Exercise details: Each line from the opening of the listing below through the line that contains "#27=IFCPRODUCTDEFINITIONSHAPE($,$,(#26));" is to be output exactly as written.

Dataset:
• • • • •

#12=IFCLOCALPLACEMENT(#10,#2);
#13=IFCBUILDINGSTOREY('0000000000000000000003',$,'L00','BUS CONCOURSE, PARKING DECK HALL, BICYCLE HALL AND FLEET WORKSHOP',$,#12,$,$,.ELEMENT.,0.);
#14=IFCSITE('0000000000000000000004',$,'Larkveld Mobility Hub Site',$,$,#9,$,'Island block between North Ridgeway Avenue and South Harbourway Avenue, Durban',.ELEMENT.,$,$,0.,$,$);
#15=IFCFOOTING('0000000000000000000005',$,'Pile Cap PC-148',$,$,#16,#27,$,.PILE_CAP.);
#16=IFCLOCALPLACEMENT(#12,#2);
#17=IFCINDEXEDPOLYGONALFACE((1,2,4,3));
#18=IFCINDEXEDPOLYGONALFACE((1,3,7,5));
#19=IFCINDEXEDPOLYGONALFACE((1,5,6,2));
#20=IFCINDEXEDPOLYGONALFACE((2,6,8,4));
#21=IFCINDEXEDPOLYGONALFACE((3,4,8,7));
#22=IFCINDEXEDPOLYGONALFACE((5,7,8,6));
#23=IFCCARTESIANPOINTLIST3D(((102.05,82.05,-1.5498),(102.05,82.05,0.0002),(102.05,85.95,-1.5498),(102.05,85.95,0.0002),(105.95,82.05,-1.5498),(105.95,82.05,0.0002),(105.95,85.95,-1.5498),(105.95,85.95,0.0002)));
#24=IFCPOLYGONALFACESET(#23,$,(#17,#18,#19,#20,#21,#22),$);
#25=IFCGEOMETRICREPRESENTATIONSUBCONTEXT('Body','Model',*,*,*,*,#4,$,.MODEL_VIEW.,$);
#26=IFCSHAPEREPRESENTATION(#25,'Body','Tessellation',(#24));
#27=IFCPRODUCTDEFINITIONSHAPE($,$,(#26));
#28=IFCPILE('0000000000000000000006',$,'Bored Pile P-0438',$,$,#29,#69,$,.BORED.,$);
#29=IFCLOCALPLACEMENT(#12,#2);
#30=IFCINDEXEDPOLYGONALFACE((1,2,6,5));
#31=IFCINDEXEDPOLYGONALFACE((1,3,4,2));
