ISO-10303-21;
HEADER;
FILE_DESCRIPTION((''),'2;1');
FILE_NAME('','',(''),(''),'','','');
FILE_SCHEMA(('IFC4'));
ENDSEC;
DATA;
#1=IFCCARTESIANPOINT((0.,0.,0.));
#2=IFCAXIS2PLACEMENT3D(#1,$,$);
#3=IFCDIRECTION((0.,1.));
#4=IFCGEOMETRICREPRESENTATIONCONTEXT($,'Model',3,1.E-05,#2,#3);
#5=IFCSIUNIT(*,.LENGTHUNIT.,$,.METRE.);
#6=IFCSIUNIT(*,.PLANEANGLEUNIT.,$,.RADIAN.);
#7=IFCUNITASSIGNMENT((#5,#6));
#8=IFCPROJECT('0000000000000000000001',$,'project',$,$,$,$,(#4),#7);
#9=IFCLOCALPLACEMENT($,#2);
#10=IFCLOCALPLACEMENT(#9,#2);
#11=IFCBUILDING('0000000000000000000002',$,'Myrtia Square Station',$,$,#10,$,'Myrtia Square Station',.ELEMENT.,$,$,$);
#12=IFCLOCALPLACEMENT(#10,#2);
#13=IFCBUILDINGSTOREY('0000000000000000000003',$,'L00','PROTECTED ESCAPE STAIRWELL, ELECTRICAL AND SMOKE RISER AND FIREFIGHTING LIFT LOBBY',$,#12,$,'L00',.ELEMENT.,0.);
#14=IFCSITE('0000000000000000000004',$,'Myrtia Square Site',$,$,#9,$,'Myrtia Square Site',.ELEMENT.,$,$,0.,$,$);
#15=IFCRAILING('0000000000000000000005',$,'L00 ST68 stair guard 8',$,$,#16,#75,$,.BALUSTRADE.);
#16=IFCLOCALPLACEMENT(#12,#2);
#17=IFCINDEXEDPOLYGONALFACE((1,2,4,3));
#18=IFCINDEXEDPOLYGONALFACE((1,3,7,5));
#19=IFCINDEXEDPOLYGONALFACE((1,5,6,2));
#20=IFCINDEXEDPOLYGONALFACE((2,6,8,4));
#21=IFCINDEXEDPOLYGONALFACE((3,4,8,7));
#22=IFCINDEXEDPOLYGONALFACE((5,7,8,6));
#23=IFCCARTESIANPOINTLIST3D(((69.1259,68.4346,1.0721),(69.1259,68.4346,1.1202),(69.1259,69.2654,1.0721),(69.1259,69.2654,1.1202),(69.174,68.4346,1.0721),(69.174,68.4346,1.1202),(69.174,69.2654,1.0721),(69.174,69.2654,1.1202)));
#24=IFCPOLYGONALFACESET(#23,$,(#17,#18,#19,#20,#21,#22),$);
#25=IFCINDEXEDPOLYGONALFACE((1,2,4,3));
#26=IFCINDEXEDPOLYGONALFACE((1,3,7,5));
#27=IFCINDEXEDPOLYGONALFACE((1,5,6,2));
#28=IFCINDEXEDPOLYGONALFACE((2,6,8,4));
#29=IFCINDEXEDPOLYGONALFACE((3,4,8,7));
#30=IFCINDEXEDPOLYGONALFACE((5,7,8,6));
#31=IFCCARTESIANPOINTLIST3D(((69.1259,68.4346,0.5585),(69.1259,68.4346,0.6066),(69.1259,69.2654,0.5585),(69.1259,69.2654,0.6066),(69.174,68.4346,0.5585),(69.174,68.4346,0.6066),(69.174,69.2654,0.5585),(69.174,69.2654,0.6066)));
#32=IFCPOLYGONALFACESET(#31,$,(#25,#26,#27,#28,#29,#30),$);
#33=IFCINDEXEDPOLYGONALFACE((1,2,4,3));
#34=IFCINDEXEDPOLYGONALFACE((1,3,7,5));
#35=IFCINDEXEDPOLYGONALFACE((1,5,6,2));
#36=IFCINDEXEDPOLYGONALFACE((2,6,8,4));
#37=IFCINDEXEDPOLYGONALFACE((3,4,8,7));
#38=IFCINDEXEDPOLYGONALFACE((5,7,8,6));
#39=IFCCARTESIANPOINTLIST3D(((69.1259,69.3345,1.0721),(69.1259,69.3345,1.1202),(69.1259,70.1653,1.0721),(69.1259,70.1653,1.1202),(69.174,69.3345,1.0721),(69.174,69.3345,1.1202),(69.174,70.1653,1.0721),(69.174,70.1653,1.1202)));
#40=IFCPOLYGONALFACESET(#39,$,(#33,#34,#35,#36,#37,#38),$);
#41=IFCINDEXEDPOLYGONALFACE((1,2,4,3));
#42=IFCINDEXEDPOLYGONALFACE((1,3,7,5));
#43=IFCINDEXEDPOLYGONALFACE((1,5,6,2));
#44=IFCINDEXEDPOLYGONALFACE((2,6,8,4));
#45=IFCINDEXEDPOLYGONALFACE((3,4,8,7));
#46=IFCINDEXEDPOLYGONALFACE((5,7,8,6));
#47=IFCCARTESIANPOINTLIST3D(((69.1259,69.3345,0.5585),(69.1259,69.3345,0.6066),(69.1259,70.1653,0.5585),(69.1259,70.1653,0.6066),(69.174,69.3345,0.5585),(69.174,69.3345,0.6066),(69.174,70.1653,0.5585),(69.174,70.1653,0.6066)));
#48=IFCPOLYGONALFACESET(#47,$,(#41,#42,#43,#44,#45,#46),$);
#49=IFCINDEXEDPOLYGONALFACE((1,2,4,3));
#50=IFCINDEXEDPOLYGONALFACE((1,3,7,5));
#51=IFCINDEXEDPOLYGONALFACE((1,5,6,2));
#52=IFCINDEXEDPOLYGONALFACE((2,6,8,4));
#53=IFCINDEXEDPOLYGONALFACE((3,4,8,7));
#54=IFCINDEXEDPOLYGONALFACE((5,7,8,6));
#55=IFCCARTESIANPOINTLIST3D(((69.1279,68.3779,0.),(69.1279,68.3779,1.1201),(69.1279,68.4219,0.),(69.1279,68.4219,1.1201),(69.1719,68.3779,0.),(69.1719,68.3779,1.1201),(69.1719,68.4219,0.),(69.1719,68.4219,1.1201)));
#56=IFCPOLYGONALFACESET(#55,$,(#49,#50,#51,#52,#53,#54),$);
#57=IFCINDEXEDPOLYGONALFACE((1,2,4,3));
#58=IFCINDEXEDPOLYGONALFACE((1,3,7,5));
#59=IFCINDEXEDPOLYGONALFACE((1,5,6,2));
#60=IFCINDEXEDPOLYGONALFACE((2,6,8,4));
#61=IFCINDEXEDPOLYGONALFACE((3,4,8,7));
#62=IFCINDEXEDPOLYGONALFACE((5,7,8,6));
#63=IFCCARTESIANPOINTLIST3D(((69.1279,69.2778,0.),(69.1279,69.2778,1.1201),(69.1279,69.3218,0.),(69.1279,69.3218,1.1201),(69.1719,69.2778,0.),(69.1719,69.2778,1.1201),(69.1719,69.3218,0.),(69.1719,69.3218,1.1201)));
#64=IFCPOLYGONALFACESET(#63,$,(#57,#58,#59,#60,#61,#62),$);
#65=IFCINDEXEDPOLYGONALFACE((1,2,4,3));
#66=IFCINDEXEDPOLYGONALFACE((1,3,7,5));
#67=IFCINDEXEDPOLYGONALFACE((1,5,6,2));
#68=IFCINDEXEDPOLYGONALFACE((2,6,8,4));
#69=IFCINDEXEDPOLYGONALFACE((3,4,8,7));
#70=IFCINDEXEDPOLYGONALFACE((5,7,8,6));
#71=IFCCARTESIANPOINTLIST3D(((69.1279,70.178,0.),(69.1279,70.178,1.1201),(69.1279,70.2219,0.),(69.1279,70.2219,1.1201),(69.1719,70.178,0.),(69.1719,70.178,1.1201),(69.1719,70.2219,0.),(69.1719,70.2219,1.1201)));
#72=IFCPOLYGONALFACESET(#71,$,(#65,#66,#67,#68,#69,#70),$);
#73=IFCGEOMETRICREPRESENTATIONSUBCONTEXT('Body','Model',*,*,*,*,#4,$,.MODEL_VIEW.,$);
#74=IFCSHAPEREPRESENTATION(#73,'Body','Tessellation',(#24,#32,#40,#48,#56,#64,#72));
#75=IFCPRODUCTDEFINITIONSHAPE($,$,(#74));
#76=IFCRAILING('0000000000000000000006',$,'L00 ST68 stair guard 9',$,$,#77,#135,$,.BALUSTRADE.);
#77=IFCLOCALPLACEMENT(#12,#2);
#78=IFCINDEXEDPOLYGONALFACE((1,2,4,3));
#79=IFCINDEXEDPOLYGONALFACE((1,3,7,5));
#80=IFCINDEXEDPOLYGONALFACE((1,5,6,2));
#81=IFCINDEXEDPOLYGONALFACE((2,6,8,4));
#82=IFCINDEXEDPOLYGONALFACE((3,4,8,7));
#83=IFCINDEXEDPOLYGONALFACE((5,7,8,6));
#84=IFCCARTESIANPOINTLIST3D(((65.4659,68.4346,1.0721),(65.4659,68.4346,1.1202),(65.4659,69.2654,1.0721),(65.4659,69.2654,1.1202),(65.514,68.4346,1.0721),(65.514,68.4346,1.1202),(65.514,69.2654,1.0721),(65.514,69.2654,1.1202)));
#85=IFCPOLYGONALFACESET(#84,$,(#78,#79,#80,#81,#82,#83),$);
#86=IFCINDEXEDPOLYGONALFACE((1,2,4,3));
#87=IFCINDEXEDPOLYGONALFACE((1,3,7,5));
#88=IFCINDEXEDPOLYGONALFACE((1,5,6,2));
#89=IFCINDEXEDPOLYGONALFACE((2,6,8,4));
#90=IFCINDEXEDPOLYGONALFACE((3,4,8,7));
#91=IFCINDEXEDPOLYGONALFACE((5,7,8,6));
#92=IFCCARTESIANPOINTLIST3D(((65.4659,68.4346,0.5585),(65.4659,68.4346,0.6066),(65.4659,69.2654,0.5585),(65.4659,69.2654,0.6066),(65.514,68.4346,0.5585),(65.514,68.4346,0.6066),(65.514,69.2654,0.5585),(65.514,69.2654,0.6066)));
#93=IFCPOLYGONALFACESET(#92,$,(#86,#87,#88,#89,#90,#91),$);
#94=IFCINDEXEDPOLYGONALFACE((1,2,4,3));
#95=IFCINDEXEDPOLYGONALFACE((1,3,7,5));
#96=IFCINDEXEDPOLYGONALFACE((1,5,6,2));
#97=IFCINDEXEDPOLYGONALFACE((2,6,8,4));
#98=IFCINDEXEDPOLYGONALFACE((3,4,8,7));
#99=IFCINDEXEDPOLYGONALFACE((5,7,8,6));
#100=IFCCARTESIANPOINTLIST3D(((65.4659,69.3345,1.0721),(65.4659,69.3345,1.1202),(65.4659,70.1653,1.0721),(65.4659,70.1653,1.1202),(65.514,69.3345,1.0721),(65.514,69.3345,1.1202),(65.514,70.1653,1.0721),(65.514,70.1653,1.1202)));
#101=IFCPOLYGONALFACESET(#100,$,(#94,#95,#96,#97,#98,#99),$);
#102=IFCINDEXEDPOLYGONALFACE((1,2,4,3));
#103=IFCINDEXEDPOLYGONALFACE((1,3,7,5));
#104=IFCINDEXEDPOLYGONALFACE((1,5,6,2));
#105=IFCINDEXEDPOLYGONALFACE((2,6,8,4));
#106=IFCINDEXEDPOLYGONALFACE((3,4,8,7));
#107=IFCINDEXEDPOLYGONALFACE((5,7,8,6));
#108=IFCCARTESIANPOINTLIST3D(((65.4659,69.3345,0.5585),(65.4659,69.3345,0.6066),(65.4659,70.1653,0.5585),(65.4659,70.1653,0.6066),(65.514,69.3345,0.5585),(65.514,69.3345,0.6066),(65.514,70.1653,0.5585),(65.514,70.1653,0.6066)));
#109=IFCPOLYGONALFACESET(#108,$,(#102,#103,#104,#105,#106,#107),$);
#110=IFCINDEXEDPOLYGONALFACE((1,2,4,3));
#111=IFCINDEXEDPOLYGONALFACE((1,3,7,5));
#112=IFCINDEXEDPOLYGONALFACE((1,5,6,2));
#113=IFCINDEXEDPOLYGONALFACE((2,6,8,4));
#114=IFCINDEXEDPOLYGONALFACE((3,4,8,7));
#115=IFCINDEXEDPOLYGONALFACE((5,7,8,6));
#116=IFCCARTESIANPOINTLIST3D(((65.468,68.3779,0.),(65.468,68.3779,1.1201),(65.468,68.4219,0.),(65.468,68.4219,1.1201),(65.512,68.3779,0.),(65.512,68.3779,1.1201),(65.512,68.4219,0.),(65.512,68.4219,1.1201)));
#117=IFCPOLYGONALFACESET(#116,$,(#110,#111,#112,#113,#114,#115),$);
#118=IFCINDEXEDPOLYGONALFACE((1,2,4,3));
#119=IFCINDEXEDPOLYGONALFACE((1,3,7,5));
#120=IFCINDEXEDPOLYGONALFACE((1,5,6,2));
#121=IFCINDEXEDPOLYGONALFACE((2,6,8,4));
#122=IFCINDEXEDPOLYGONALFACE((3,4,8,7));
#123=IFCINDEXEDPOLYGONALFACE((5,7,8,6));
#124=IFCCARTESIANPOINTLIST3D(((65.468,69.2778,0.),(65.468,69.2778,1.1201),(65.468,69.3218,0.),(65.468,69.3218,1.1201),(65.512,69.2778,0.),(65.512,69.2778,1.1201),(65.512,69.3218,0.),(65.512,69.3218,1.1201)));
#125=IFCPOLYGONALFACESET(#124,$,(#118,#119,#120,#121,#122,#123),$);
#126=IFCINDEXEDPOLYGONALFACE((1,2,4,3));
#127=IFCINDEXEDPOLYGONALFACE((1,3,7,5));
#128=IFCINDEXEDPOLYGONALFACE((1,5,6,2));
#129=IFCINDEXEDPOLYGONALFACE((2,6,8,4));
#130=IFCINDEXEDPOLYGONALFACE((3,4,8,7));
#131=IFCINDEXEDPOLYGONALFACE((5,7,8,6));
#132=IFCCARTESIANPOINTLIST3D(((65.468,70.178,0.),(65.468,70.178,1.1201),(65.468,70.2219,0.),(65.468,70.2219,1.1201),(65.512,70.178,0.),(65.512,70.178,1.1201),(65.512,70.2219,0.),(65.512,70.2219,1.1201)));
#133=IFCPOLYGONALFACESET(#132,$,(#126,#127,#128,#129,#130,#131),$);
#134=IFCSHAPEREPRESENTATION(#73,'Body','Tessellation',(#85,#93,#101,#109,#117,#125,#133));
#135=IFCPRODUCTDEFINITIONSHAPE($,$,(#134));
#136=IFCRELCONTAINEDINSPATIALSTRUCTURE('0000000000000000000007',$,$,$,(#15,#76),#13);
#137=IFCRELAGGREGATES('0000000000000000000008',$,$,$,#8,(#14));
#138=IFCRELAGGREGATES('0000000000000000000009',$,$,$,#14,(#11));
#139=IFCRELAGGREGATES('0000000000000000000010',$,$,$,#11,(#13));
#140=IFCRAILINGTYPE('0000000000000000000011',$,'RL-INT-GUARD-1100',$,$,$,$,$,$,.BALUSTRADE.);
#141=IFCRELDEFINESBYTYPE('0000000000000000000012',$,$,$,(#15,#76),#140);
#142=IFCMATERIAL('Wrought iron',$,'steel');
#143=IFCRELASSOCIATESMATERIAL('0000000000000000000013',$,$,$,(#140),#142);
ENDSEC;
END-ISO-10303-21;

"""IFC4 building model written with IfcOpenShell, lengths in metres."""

from ifc_helpers import new_model, si_unit, direction, frame, origin, origin_2d, place, context, subcontext, project, spatial, rectangle, extrude, material, type_object, element, save


model = new_model("IFC4")

# Units and contexts
model_context = context("Model", 3, precision=1e-05, world=origin(), true_north=direction((0.0, 1.0)))
body_context = subcontext(model_context, "Body", "Model", "MODEL_VIEW")
ifc_project = project(units=[si_unit("LENGTHUNIT", "METRE"), si_unit("PLANEANGLEUNIT", "RADIAN")], contexts=[model_context])

# Site, building, storey
site_placement = place(None, origin())
site = spatial("IfcSite", under=ifc_project, at=site_placement, Name="Myrtia Square Site", LongName="Myrtia Square Site", CompositionType="ELEMENT", RefElevation=0.0)
building_placement = place(site_placement, origin())
building = spatial("IfcBuilding", under=site, at=building_placement, Name="Myrtia Square Station", LongName="Myrtia Square Station", CompositionType="ELEMENT")
storey_placement = place(building_placement, origin())
storey = spatial("IfcBuildingStorey", under=building, at=storey_placement, Name="L00", Description="PROTECTED ESCAPE STAIRWELL, ELECTRICAL AND SMOKE RISER AND FIREFIGHTING LIFT LOBBY", LongName="L00", CompositionType="ELEMENT", Elevation=0.0)

# Railings
ifc_material_1 = material(Name="Wrought iron", Category="steel")
railing_type_1 = type_object("IfcRailingType", Name="RL-INT-GUARD-1100", PredefinedType="BALUSTRADE", material=ifc_material_1)
for number, where, name in (
    (1, (69.1499, 68.3999, 0.0), "L00 ST68 stair guard 8"),
    (2, (65.49, 68.3999, 0.0), "L00 ST68 stair guard 9"),
):
    element("IfcRailing", number, at=place(storey_placement, frame(where)), inside=storey, type_object=railing_type_1, Name=name, PredefinedType="BALUSTRADE", context=body_context, shape_type="SweptSolid", body=[
        extrude(rectangle(XDim=0.0481, YDim=0.0481, at=origin_2d()), frame((0.0, 0.0347, 1.0962), z_axis=(0.0, 1.0, 0.0), x_axis=(-1.0, 0.0, 0.0)), (0.0, 0.0, 1.0), 0.8308),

• • • • •

Reply to the task:
#12=IFCLOCALPLACEMENT(#10,#2);
#13=IFCBUILDINGSTOREY('0000000000000000000003',$,'L00','BUS CONCOURSE, PARKING DECK HALL, BICYCLE HALL AND FLEET WORKSHOP',$,#12,$,$,.ELEMENT.,0.);
#14=IFCSITE('0000000000000000000004',$,'Larkveld Mobility Hub Site',$,$,#9,$,'Island block between North Ridgeway Avenue and South Harbourway Avenue, Durban',.ELEMENT.,$,$,0.,$,$);
#15=IFCFOOTING('0000000000000000000005',$,'Pile Cap PC-148',$,$,#16,#27,$,.PILE_CAP.);
#16=IFCLOCALPLACEMENT(#12,#2);
#17=IFCINDEXEDPOLYGONALFACE((1,2,4,3));
#18=IFCINDEXEDPOLYGONALFACE((1,3,7,5));
#19=IFCINDEXEDPOLYGONALFACE((1,5,6,2));
#20=IFCINDEXEDPOLYGONALFACE((2,6,8,4));
#21=IFCINDEXEDPOLYGONALFACE((3,4,8,7));
#22=IFCINDEXEDPOLYGONALFACE((5,7,8,6));
#23=IFCCARTESIANPOINTLIST3D(((102.05,82.05,-1.5498),(102.05,82.05,0.0002),(102.05,85.95,-1.5498),(102.05,85.95,0.0002),(105.95,82.05,-1.5498),(105.95,82.05,0.0002),(105.95,85.95,-1.5498),(105.95,85.95,0.0002)));
#24=IFCPOLYGONALFACESET(#23,$,(#17,#18,#19,#20,#21,#22),$);
#25=IFCGEOMETRICREPRESENTATIONSUBCONTEXT('Body','Model',*,*,*,*,#4,$,.MODEL_VIEW.,$);
#26=IFCSHAPEREPRESENTATION(#25,'Body','Tessellation',(#24));
#27=IFCPRODUCTDEFINITIONSHAPE($,$,(#26));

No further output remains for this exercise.